▶

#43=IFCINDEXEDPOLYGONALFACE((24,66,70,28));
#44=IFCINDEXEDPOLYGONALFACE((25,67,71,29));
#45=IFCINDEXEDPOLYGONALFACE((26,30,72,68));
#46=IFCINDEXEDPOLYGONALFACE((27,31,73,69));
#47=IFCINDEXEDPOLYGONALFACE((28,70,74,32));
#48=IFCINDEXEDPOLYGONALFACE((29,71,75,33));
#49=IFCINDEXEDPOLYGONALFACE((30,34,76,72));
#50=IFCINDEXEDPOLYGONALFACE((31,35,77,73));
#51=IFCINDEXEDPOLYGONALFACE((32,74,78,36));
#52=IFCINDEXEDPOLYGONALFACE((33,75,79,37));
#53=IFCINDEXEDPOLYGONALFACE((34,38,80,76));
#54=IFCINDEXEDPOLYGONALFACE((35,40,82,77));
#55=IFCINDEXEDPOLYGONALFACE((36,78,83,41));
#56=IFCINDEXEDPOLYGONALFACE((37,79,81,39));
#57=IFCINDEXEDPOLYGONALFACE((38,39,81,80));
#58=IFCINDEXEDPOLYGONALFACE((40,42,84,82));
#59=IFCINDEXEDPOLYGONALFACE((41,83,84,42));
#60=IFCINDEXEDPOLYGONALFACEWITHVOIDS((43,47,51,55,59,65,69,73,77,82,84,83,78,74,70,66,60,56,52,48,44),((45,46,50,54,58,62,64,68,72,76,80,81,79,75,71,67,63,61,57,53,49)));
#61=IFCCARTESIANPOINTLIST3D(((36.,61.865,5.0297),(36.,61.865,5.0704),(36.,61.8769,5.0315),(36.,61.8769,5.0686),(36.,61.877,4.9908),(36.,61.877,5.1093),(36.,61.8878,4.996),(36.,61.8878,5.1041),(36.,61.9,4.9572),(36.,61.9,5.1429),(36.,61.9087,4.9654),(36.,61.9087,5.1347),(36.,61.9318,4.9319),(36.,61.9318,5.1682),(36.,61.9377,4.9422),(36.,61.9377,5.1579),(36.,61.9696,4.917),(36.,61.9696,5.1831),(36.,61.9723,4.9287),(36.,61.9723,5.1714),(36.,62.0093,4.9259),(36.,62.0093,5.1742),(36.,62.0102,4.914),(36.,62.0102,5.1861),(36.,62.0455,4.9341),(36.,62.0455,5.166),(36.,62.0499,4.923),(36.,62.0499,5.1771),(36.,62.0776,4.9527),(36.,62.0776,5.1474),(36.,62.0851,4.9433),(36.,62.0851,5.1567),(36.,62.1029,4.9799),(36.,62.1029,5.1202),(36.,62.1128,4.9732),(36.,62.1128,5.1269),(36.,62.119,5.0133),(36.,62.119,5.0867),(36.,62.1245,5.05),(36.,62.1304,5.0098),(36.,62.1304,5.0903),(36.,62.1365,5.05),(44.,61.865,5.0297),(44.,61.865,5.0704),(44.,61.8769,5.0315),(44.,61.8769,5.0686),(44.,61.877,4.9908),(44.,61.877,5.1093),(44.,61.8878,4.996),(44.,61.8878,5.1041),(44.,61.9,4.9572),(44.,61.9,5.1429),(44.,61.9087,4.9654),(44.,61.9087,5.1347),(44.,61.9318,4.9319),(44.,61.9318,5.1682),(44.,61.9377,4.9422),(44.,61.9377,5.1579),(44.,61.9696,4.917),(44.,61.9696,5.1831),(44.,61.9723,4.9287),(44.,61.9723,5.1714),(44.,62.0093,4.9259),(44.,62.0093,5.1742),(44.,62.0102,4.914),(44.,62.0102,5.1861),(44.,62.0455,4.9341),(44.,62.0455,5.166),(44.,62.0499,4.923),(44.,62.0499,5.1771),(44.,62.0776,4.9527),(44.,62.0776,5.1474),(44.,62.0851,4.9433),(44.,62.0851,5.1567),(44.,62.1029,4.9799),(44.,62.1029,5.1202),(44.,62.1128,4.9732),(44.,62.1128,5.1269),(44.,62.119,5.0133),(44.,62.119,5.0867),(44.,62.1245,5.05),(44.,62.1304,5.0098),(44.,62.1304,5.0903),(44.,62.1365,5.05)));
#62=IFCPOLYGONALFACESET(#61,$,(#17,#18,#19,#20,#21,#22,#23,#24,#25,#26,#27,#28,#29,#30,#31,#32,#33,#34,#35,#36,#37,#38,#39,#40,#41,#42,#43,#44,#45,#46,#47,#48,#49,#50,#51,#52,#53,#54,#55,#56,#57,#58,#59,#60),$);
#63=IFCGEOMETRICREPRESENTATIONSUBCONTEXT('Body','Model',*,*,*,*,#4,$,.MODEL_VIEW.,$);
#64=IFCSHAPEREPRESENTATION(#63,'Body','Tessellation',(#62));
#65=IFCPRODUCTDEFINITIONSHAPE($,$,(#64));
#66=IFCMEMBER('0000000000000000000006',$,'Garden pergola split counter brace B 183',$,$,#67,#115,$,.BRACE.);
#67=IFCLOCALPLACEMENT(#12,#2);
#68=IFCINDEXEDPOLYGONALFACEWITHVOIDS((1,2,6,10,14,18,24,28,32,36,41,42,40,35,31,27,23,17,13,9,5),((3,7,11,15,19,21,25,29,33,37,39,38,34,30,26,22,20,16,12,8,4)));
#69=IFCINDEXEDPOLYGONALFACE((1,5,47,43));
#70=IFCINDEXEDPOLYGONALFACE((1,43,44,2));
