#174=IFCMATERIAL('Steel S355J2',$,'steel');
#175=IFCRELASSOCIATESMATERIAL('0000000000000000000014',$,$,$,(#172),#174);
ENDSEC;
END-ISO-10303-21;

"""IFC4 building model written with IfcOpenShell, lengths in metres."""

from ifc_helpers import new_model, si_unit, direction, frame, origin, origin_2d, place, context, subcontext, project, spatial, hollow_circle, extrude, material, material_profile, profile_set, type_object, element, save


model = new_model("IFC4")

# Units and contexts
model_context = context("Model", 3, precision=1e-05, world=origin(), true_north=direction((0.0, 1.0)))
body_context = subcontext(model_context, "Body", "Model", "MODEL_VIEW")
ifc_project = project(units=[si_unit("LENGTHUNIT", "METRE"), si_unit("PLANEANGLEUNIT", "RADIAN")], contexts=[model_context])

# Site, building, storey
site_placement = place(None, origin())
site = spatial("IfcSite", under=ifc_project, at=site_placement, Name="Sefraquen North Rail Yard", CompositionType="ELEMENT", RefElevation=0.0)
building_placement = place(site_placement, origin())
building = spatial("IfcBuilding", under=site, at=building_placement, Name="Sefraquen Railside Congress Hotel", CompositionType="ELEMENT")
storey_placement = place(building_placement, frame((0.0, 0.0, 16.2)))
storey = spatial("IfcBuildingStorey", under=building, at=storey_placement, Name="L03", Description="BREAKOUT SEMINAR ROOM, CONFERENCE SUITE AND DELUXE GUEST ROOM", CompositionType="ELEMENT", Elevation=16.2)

◀
▶

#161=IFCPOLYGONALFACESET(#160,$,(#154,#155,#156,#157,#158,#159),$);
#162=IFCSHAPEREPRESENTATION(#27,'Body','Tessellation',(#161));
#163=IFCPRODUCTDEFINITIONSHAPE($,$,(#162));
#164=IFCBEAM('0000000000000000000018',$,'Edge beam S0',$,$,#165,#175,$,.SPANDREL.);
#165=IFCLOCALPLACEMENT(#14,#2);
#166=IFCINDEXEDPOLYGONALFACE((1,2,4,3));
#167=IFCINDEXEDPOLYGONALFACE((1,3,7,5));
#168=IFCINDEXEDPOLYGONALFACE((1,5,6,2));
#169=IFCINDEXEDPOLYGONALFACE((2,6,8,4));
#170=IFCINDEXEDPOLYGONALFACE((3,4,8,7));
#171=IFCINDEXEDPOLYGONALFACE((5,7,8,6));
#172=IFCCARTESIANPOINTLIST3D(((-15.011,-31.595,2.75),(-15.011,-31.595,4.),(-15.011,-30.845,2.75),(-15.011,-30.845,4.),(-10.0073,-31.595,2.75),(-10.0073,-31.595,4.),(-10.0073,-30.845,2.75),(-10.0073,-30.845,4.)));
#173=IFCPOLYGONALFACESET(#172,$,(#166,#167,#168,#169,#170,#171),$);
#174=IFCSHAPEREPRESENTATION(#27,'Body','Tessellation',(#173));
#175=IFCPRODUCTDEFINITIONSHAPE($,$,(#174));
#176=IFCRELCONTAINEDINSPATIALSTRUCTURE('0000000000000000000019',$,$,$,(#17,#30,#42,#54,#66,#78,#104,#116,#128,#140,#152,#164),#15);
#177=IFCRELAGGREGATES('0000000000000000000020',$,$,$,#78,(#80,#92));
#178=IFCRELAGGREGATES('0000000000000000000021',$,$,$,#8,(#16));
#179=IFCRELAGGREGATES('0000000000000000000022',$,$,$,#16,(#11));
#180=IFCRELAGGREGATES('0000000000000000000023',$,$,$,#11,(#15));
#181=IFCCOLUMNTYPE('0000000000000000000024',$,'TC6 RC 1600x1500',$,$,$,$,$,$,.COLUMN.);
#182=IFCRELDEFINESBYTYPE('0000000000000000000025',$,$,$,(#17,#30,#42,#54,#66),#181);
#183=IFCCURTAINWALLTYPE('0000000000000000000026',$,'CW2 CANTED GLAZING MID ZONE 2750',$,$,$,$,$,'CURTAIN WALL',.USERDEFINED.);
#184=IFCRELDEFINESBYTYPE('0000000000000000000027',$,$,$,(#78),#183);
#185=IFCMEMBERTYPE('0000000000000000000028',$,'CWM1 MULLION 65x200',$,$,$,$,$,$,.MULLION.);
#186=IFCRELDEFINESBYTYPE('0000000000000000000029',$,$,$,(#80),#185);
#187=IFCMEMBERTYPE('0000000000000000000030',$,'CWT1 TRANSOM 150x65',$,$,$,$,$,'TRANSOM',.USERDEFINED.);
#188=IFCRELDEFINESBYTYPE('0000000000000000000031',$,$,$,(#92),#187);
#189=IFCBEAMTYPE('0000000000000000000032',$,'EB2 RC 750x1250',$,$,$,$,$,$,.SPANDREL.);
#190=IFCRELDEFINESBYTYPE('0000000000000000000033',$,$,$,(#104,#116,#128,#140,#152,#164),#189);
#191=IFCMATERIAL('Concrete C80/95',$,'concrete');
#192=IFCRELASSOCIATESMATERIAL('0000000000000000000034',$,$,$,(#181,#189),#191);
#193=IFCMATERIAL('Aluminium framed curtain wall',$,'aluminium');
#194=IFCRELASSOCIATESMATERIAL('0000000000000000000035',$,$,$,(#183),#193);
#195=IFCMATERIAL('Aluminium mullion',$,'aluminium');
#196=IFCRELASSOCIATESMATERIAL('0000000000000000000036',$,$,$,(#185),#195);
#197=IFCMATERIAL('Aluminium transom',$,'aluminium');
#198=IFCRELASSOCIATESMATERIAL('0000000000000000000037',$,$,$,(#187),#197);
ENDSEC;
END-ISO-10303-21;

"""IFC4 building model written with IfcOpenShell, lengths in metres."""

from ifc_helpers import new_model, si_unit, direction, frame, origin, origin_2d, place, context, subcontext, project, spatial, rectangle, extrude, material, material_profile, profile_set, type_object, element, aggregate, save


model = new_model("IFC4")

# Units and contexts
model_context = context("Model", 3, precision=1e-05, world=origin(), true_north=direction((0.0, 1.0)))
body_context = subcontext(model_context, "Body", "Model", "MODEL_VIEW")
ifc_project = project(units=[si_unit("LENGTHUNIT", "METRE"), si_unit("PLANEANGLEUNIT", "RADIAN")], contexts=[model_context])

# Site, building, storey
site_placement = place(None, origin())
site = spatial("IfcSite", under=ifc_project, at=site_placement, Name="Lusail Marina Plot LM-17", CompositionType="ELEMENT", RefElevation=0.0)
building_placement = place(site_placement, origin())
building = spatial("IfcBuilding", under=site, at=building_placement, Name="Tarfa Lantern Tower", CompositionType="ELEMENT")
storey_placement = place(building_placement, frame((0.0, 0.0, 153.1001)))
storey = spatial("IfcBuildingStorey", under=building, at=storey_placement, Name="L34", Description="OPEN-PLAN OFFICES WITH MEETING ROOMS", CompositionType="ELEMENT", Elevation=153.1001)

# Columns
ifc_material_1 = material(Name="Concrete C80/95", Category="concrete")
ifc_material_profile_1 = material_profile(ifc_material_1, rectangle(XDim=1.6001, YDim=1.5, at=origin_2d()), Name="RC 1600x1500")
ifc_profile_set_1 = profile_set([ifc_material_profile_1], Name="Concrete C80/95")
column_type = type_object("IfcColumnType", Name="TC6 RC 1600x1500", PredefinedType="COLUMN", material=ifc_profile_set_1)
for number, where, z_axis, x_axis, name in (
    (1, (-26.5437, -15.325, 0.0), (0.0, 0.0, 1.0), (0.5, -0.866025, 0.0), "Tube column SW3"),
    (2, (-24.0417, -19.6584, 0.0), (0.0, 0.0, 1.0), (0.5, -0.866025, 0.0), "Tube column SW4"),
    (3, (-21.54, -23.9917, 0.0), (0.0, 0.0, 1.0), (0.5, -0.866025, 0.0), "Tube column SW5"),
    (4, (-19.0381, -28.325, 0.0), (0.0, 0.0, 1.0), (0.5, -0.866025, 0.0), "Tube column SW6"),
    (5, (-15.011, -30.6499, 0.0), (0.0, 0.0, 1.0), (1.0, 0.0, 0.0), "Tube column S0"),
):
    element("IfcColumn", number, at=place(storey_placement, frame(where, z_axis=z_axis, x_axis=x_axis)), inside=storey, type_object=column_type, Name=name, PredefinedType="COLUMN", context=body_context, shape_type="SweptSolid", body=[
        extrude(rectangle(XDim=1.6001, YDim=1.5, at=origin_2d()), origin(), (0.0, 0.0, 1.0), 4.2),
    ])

◀

- _What is required_
Everything starting at the line containing "#43=IFCINDEXEDPOLYGONALFACE((24,66,70,28));" and ending at the line containing "#48=IFCINDEXEDPOLYGONALFACE((29,71,75,33));" in the records above should be repeated exactly, and only that.

- _Exercise answer_
#43=IFCINDEXEDPOLYGONALFACE((24,66,70,28));
#44=IFCINDEXEDPOLYGONALFACE((25,67,71,29));
#45=IFCINDEXEDPOLYGONALFACE((26,30,72,68));
#46=IFCINDEXEDPOLYGONALFACE((27,31,73,69));
#47=IFCINDEXEDPOLYGONALFACE((28,70,74,32));
#48=IFCINDEXEDPOLYGONALFACE((29,71,75,33));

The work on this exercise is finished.